Saved entries:

________

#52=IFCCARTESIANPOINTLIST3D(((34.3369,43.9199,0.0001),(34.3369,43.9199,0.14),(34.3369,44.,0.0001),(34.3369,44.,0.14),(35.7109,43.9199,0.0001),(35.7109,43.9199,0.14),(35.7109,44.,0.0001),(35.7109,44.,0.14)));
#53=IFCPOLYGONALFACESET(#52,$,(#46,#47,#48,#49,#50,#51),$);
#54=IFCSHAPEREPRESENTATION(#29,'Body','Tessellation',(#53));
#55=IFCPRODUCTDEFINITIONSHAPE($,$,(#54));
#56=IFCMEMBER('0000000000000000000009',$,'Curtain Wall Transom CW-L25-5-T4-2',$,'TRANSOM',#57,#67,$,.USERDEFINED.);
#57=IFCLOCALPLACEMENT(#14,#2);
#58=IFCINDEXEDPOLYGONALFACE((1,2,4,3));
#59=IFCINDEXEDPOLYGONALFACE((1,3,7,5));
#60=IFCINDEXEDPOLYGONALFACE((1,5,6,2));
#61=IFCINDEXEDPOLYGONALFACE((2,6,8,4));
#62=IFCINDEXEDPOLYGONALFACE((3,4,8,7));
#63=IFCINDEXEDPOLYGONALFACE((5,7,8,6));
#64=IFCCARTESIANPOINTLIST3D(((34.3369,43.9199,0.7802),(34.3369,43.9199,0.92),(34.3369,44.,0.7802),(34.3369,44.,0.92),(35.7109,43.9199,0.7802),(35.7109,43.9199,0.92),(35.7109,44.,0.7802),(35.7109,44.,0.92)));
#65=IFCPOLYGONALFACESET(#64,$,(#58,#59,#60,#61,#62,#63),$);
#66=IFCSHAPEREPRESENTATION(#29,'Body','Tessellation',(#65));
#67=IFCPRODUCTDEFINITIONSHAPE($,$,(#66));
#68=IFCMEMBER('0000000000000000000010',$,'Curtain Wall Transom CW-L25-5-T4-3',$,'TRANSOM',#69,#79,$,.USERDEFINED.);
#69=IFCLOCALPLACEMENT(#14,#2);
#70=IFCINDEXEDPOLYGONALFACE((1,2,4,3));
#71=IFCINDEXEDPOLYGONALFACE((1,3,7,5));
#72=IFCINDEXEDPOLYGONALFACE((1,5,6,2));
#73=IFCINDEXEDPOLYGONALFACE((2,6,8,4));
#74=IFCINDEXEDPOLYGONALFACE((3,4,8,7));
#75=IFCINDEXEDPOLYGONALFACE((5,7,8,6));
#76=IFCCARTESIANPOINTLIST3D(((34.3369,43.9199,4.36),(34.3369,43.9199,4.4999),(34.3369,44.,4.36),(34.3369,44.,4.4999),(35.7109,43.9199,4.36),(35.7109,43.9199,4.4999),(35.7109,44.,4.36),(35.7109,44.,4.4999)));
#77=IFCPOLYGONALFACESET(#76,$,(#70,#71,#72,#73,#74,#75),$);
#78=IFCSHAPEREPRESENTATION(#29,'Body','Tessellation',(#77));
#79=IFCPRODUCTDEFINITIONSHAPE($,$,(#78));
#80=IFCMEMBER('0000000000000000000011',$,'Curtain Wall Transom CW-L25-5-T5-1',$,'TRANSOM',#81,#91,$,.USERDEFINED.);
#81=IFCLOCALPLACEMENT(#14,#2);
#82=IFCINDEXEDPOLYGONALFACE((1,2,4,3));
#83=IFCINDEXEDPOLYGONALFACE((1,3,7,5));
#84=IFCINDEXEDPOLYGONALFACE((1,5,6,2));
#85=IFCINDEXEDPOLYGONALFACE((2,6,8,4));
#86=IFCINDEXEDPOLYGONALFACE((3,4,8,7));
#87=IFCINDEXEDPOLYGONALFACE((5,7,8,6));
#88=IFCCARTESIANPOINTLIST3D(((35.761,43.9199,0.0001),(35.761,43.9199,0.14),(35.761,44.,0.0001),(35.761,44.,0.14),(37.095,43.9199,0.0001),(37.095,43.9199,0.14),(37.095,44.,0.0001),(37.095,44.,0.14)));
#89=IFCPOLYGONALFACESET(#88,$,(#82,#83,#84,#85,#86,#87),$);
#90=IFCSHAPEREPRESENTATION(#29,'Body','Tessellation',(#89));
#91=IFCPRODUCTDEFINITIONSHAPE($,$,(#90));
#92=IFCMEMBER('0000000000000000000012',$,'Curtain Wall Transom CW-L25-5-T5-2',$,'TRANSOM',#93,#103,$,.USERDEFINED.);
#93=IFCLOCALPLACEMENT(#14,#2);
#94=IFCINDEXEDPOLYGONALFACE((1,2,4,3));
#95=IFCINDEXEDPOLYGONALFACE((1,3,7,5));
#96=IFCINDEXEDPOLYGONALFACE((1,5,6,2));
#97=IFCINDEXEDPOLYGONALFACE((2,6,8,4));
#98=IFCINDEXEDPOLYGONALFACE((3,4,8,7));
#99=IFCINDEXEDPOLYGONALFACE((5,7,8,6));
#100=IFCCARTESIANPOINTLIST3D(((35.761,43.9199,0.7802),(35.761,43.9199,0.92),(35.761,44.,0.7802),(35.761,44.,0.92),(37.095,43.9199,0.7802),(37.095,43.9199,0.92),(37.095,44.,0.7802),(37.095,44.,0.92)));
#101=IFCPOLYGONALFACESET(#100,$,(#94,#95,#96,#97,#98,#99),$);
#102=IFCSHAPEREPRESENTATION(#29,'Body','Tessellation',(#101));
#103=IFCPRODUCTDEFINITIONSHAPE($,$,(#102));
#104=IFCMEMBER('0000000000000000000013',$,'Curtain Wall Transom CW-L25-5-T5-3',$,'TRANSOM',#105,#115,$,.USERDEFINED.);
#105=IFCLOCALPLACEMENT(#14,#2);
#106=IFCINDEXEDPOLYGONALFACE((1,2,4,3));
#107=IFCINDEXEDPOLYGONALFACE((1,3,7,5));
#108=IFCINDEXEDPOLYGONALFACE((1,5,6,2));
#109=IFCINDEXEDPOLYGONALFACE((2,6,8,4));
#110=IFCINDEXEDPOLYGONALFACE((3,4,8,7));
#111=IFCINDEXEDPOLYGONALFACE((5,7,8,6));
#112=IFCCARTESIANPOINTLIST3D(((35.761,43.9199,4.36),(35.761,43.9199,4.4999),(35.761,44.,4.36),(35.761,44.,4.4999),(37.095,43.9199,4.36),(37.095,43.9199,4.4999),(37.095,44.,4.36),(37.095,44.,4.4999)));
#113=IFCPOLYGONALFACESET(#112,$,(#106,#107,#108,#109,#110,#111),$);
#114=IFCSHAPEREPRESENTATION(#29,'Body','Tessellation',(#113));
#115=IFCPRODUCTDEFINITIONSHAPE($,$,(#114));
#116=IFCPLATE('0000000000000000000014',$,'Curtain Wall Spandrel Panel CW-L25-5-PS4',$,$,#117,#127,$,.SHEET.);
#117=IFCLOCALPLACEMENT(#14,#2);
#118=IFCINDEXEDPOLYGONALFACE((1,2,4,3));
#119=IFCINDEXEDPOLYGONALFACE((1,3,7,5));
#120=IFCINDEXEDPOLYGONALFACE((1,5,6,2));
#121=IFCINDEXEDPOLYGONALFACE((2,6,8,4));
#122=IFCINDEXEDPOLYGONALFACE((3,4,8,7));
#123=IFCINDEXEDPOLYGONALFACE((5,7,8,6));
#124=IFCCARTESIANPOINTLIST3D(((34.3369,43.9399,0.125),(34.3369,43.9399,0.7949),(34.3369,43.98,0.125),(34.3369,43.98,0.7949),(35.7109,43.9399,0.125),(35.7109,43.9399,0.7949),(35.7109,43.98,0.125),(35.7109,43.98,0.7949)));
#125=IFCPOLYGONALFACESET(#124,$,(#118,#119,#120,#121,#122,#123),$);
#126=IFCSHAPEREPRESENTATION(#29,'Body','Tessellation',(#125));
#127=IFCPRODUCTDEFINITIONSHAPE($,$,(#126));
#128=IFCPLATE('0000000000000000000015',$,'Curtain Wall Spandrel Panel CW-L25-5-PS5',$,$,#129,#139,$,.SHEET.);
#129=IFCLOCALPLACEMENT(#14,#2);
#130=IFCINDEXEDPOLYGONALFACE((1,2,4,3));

________

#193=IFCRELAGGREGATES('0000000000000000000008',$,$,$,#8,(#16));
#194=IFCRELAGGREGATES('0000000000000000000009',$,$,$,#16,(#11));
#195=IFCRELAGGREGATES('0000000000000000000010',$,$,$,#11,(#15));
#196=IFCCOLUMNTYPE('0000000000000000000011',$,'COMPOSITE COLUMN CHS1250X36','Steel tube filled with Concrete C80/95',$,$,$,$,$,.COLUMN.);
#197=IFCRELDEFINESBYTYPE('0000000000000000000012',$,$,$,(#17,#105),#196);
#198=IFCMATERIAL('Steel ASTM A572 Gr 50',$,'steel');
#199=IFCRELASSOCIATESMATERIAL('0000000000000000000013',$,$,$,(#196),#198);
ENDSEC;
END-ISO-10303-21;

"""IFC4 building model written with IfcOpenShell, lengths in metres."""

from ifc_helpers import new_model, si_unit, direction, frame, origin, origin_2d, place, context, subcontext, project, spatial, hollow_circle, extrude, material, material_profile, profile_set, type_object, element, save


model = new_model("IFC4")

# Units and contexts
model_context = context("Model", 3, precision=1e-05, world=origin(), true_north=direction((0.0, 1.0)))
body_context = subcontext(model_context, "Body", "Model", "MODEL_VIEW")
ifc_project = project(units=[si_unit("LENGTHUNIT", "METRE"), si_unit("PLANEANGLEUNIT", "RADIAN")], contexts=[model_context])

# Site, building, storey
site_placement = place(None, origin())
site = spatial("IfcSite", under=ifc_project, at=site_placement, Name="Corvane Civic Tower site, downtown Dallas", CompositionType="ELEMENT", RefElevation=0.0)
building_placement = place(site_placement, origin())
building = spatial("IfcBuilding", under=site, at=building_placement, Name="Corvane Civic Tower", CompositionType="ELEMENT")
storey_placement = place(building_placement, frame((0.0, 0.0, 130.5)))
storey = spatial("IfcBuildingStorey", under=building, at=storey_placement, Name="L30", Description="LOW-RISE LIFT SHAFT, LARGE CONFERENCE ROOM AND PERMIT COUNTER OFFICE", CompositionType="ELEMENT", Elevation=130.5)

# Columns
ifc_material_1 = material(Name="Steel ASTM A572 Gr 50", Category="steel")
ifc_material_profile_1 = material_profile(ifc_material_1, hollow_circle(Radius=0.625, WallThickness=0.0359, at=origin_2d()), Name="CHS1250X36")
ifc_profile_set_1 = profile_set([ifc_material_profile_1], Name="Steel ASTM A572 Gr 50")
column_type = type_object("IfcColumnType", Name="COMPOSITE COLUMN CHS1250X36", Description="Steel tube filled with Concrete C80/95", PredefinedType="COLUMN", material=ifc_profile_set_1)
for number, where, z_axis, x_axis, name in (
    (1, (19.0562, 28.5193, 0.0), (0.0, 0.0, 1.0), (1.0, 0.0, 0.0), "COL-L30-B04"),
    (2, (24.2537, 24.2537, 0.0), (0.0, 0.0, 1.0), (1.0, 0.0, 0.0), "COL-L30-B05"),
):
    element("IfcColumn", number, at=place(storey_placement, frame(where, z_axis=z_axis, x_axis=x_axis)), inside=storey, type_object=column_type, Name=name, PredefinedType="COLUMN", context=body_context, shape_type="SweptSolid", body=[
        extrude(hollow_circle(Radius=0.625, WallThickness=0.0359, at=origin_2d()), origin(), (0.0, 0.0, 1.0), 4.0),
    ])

________

BRIEF ::
Extract from the records above the lines from the one containing "#94=IFCINDEXEDPOLYGONALFACE((1,2,4,3));" to the one containing "#99=IFCINDEXEDPOLYGONALFACE((5,7,8,6));", both lines included, exactly as they appear and with nothing else.

SOLUTION TO THIS PROBLEM ::
#94=IFCINDEXEDPOLYGONALFACE((1,2,4,3));
#95=IFCINDEXEDPOLYGONALFACE((1,3,7,5));
#96=IFCINDEXEDPOLYGONALFACE((1,5,6,2));
#97=IFCINDEXEDPOLYGONALFACE((2,6,8,4));
#98=IFCINDEXEDPOLYGONALFACE((3,4,8,7));
#99=IFCINDEXEDPOLYGONALFACE((5,7,8,6));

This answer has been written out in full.